Collected data:

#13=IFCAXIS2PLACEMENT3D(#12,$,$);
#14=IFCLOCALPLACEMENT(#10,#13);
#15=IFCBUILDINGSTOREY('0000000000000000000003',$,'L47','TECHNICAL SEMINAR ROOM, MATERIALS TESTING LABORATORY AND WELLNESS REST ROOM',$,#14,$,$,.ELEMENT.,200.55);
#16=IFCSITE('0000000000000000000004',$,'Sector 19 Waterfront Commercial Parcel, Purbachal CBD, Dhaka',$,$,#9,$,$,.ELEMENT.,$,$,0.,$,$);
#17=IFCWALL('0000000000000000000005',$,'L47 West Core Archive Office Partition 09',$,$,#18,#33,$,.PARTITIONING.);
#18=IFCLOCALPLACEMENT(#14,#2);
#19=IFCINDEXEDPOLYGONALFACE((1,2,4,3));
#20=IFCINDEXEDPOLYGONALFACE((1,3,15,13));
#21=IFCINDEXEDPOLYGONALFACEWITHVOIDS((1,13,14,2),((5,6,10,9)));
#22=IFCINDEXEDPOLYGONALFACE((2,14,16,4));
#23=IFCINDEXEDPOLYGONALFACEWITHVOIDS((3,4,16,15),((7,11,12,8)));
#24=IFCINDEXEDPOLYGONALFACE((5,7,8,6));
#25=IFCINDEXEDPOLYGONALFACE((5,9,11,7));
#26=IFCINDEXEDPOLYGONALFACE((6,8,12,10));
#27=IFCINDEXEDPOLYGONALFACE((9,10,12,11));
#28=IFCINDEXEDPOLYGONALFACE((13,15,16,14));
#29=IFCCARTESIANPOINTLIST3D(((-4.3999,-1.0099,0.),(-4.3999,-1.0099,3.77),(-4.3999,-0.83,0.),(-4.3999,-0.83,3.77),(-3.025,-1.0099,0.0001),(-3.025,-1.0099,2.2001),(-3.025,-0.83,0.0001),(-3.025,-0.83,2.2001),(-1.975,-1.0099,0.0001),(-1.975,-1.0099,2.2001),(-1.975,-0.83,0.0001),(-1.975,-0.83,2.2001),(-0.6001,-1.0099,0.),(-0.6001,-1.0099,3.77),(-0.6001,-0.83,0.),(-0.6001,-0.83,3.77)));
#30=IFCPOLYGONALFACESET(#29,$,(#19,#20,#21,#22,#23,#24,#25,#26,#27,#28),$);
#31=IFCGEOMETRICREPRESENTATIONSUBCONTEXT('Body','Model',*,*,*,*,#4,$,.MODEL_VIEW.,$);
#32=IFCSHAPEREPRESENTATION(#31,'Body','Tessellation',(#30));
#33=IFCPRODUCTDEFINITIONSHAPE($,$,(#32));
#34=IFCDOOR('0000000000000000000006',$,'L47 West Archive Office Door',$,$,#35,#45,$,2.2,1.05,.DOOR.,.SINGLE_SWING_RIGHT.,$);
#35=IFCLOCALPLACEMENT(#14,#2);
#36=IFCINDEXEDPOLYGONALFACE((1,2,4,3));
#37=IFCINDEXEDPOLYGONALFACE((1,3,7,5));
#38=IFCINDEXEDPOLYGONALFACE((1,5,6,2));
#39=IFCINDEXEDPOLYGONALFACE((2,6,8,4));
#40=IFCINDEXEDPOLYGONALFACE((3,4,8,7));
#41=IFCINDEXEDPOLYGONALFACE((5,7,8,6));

WHAT IS REQUIRED →
Starting from the line that contains "#34=IFCDOOR('0000000000000000000006',$,'L47 West Archive", transcribe each line to the end of the records above. Please add nothing.

FINISHED EXERCISE →
#34=IFCDOOR('0000000000000000000006',$,'L47 West Archive Office Door',$,$,#35,#45,$,2.2,1.05,.DOOR.,.SINGLE_SWING_RIGHT.,$);
#35=IFCLOCALPLACEMENT(#14,#2);
#36=IFCINDEXEDPOLYGONALFACE((1,2,4,3));
#37=IFCINDEXEDPOLYGONALFACE((1,3,7,5));
#38=IFCINDEXEDPOLYGONALFACE((1,5,6,2));
#39=IFCINDEXEDPOLYGONALFACE((2,6,8,4));
#40=IFCINDEXEDPOLYGONALFACE((3,4,8,7));
#41=IFCINDEXEDPOLYGONALFACE((5,7,8,6));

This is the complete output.